Task goal
Lines holding the string "Firefighting" are the ones to copy from this listing.

Information provided
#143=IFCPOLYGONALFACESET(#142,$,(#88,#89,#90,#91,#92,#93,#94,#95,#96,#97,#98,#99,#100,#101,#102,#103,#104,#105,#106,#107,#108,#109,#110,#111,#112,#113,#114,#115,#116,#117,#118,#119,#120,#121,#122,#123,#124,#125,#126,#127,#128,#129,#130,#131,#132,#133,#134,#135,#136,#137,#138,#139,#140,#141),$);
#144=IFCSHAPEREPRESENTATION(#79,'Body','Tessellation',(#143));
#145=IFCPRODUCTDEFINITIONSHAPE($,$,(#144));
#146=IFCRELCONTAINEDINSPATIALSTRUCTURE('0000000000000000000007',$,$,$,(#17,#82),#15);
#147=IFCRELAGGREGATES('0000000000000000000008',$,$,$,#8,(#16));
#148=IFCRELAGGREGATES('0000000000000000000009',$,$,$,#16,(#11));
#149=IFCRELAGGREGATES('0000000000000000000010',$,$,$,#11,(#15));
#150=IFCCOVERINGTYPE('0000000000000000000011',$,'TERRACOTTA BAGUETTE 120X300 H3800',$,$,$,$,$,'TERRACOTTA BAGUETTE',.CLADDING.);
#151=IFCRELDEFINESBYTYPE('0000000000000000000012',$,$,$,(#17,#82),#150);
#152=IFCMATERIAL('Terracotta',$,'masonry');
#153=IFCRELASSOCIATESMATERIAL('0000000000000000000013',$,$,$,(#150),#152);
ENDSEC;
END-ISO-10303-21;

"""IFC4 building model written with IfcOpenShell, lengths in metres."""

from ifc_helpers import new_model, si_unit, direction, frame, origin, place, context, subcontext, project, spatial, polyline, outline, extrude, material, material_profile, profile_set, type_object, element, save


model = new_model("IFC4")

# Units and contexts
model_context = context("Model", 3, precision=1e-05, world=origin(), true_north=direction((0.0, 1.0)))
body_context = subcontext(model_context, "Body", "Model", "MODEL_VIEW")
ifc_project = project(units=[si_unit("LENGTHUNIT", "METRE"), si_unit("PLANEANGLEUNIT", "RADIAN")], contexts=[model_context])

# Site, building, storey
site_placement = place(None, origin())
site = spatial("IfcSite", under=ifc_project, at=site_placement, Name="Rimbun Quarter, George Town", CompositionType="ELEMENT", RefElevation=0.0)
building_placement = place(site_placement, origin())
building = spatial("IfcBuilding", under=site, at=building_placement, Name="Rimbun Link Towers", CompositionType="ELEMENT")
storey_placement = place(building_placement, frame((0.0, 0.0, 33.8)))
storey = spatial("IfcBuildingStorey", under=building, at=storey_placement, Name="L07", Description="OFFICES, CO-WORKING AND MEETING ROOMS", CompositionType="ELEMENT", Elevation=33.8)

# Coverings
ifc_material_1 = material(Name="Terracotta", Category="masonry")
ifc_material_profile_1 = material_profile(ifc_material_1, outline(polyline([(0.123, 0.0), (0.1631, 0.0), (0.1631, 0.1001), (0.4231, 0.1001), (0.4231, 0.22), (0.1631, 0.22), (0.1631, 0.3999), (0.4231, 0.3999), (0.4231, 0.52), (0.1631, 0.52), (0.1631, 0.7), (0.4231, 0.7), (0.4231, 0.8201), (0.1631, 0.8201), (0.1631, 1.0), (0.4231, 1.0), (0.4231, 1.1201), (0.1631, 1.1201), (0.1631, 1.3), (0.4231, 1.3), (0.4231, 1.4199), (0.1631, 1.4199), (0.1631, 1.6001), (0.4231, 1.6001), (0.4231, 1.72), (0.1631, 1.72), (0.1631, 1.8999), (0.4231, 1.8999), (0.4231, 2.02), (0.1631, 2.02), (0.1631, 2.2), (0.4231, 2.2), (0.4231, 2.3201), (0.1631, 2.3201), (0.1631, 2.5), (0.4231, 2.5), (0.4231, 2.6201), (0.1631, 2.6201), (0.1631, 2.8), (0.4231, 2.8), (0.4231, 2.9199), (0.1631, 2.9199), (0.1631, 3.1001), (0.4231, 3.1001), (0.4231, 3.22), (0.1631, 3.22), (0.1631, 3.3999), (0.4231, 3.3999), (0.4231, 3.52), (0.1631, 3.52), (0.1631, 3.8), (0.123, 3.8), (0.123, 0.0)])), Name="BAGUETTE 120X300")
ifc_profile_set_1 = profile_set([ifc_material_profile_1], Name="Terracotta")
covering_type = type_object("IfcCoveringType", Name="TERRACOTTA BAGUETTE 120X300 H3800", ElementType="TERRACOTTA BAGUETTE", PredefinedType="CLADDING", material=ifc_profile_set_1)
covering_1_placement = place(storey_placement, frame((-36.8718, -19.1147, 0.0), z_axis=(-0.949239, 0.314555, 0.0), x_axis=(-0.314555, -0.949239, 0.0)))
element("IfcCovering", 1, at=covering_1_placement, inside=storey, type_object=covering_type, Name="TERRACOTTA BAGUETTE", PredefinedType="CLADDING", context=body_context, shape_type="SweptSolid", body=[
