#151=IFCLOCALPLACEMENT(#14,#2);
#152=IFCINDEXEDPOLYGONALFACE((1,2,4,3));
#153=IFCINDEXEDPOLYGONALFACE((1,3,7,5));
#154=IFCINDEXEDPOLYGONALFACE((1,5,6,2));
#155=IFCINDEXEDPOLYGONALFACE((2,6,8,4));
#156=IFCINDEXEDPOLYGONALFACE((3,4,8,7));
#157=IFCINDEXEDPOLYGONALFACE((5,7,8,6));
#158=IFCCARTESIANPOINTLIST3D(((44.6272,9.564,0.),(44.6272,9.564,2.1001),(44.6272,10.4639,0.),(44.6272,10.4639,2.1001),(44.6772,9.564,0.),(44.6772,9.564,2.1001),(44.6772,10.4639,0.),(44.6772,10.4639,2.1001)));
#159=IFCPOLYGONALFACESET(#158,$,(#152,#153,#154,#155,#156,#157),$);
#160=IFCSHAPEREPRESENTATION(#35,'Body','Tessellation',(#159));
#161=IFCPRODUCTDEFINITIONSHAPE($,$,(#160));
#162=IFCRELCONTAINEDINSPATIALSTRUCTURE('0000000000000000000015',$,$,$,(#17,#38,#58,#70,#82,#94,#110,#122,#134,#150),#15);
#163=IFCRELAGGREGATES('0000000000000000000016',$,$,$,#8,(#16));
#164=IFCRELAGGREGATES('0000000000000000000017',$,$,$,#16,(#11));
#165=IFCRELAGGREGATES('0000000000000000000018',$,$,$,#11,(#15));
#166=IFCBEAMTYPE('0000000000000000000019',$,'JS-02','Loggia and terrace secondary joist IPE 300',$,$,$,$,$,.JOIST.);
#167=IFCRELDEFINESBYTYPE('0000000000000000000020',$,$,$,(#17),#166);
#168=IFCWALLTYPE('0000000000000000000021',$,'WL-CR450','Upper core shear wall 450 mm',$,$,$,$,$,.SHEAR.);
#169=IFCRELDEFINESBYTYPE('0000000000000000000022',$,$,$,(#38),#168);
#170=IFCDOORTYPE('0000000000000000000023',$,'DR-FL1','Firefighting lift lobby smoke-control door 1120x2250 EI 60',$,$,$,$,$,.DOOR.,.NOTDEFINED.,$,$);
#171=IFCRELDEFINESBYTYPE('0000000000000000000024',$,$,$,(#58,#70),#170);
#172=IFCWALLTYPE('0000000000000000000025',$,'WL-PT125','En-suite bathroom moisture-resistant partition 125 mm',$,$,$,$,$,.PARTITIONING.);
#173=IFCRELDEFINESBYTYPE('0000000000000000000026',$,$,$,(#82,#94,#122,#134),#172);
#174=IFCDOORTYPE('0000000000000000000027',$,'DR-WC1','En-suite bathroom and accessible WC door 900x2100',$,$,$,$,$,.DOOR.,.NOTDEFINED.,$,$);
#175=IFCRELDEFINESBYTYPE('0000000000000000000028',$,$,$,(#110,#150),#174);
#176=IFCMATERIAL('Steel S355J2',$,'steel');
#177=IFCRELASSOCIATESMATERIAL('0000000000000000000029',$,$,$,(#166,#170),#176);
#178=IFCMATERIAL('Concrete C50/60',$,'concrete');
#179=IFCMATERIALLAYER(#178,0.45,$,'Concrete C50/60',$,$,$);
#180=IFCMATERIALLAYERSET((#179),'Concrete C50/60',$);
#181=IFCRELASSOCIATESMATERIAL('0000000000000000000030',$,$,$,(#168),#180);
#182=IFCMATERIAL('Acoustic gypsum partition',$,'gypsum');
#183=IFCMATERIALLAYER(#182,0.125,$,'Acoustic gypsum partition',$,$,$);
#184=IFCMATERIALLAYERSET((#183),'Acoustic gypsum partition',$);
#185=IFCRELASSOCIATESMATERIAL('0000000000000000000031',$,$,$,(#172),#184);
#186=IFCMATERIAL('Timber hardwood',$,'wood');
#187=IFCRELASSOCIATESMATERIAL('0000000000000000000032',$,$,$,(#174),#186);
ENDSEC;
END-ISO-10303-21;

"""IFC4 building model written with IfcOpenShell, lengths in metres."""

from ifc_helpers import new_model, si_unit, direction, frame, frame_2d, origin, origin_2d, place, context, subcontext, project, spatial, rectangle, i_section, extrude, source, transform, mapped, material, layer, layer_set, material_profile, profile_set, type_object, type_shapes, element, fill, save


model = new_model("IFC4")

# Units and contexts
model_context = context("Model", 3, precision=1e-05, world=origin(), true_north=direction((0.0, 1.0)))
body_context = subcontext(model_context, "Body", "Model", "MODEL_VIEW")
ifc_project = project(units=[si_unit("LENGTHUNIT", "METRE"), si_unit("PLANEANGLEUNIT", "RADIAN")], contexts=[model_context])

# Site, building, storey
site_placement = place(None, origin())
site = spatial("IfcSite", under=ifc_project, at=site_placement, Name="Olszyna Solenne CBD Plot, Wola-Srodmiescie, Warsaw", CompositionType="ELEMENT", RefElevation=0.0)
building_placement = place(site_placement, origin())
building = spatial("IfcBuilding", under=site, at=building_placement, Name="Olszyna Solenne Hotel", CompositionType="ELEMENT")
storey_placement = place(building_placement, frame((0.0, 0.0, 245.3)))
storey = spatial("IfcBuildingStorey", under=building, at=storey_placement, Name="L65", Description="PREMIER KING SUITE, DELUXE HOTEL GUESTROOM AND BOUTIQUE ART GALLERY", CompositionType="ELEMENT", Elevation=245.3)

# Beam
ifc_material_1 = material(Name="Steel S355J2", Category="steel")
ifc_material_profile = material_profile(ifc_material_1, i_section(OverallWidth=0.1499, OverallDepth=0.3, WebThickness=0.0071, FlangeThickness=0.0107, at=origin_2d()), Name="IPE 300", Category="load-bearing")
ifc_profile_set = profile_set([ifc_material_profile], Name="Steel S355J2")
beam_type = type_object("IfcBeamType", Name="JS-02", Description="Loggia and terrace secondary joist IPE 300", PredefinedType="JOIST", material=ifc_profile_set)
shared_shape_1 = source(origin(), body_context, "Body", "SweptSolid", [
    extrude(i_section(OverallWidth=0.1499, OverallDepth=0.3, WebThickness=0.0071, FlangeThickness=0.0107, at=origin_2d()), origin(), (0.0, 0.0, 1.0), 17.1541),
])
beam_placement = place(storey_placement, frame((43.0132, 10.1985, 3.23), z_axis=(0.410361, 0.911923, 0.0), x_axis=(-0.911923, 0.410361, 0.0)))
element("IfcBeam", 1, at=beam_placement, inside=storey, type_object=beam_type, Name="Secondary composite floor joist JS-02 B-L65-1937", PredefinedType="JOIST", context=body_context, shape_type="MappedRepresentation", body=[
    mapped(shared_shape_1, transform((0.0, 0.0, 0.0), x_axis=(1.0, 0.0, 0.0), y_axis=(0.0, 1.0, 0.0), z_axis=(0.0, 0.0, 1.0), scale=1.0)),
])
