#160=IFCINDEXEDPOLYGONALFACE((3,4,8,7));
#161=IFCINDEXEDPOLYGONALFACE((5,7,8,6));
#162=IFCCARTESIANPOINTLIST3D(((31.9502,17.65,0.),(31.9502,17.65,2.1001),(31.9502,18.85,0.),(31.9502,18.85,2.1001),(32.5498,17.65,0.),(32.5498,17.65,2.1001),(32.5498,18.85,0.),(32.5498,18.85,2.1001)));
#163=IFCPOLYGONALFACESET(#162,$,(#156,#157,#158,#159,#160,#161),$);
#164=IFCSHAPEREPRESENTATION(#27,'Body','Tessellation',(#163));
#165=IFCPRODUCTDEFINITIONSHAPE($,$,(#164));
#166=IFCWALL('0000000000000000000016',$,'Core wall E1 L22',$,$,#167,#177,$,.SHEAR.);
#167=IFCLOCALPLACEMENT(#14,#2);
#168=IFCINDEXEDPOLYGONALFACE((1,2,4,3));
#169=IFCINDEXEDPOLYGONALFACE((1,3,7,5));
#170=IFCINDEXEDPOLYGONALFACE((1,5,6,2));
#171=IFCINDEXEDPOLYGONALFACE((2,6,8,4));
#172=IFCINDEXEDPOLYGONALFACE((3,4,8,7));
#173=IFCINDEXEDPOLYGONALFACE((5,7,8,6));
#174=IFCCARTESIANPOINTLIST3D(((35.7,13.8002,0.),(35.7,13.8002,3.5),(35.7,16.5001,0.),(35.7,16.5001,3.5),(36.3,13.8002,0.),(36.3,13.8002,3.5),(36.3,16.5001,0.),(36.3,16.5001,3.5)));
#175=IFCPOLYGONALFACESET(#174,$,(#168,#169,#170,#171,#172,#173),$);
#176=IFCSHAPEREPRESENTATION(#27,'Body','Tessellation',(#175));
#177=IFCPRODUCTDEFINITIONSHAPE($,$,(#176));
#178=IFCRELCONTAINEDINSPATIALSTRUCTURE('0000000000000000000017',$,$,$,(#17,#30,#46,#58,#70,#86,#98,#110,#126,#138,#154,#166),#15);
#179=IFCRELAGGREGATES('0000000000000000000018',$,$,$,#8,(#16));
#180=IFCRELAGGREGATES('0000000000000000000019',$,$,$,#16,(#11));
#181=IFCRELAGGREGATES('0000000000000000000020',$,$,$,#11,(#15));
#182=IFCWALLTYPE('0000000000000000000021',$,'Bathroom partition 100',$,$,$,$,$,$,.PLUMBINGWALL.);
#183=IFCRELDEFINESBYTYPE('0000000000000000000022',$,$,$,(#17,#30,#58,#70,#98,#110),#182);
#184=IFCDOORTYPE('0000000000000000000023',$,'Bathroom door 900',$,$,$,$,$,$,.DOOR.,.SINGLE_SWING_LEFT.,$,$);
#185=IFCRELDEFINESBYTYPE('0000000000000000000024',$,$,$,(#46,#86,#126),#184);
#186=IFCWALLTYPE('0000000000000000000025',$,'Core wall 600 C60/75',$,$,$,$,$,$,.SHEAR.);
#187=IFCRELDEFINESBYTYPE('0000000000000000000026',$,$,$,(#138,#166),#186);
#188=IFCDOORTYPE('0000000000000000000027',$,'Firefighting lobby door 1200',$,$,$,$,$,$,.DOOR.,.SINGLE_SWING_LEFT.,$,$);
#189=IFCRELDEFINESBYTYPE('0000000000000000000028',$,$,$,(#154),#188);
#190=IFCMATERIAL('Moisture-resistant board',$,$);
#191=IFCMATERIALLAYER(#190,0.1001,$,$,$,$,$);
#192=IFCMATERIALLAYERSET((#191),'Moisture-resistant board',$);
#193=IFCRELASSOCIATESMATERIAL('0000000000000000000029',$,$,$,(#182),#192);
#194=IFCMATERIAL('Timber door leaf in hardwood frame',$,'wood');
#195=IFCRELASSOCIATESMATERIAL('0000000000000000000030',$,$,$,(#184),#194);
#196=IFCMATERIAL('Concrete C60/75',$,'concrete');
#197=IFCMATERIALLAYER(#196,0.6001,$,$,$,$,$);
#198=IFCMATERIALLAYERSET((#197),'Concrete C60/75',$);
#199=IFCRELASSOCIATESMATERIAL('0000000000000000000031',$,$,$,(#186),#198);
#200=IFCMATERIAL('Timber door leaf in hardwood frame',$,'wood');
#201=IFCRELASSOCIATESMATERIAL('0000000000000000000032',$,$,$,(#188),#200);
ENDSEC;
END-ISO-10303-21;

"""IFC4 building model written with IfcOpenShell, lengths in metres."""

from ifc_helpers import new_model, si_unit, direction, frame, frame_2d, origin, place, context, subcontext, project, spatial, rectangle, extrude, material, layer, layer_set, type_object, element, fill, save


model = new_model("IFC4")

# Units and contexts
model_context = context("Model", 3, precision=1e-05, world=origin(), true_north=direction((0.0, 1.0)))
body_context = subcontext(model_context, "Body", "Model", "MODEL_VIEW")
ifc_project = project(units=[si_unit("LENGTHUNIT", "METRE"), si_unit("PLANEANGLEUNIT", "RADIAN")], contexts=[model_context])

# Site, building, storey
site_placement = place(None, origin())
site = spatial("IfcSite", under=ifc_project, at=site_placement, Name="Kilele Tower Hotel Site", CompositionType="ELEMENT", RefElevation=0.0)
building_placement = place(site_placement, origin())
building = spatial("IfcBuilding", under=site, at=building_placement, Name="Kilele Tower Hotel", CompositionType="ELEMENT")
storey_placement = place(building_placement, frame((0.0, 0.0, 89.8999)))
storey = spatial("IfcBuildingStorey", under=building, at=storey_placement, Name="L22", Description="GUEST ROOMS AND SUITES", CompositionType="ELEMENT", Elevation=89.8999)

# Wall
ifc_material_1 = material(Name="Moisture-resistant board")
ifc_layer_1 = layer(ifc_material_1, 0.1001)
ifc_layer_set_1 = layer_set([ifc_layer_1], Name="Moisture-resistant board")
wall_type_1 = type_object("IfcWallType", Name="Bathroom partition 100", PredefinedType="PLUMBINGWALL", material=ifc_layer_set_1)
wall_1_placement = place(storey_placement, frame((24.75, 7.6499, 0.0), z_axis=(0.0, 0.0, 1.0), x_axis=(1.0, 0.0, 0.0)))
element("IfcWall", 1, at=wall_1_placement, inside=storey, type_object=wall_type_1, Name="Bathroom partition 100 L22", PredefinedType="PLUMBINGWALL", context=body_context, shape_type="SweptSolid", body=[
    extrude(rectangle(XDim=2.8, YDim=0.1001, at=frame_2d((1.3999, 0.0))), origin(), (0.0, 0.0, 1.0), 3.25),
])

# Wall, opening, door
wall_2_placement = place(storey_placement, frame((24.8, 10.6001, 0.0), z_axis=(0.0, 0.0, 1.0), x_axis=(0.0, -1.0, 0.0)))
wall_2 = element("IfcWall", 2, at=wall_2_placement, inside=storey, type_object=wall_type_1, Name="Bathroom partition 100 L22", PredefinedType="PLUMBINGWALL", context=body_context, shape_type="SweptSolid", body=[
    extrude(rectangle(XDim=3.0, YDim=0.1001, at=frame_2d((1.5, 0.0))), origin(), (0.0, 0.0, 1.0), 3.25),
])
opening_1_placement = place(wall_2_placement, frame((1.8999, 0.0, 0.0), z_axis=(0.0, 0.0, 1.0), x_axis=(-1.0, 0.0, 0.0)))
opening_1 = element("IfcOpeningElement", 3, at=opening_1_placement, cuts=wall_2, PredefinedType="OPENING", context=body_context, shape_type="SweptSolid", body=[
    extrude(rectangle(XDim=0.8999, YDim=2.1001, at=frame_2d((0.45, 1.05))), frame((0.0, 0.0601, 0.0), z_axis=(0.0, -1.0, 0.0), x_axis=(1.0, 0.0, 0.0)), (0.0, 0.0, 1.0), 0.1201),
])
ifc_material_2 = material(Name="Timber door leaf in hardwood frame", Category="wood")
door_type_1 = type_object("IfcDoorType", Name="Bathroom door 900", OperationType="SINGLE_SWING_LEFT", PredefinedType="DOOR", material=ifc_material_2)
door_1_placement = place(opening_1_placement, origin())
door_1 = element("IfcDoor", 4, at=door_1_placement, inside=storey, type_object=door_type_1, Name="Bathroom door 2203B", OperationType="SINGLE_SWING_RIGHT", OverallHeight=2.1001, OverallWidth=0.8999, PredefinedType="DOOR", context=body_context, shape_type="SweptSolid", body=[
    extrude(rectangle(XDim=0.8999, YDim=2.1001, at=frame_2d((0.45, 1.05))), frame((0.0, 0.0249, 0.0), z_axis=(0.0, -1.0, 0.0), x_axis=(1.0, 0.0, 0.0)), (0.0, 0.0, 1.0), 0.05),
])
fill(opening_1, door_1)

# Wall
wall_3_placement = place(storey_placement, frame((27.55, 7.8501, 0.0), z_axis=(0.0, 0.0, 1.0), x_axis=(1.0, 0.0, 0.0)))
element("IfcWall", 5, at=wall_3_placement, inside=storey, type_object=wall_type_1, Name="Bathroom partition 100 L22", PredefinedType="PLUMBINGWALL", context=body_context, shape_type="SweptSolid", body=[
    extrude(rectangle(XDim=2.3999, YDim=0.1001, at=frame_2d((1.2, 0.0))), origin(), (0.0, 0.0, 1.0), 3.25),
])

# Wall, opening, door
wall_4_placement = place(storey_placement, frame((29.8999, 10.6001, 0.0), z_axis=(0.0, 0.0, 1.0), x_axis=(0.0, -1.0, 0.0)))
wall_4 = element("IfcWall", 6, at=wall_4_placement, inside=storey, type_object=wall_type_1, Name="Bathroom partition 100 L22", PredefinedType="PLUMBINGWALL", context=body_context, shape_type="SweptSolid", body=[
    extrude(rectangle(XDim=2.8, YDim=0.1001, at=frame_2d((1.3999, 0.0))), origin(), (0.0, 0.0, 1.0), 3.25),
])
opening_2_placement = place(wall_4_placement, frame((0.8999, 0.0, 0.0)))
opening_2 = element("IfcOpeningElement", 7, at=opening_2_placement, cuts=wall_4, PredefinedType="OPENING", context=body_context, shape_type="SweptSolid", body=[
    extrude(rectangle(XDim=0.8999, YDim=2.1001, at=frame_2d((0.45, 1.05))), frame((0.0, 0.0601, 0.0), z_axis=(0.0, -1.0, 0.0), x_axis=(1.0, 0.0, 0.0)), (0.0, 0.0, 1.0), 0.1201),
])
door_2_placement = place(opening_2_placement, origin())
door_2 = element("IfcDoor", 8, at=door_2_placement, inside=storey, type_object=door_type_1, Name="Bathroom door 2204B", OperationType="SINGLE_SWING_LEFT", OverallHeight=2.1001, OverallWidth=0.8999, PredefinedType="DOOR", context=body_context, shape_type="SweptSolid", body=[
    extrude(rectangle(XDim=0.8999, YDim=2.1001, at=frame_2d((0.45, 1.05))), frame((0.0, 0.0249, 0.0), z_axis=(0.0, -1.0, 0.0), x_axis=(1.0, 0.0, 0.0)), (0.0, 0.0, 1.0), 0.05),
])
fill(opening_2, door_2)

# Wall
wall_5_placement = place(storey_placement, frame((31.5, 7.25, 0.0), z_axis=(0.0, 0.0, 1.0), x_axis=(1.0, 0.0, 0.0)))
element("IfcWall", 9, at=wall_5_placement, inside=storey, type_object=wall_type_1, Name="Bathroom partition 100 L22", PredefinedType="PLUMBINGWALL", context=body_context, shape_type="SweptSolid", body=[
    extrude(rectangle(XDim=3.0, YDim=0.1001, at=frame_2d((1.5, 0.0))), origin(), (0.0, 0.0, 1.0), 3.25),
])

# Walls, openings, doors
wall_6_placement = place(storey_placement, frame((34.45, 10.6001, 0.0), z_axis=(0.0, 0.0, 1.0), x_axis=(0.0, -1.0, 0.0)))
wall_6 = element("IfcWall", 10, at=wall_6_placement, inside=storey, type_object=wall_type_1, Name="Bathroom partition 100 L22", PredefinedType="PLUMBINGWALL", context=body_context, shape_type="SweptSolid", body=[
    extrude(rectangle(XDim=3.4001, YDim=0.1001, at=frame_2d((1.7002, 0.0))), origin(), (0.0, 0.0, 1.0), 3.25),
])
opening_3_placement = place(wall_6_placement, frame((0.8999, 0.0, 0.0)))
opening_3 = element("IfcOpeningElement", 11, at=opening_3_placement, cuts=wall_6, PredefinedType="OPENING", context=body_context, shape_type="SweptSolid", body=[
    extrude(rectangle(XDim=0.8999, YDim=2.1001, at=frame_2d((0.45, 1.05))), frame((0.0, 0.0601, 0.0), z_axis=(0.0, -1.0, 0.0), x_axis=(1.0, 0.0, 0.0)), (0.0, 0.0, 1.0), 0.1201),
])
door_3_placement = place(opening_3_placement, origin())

Solution to this exercise
#170=IFCDOORTYPE('0000000000000000000023',$,'DR-FL1','Firefighting lift lobby smoke-control door 1120x2250 EI 60',$,$,$,$,$,.DOOR.,.NOTDEFINED.,$,$);
#188=IFCDOORTYPE('0000000000000000000027',$,'Firefighting lobby door 1200',$,$,$,$,$,$,.DOOR.,.SINGLE_SWING_LEFT.,$,$);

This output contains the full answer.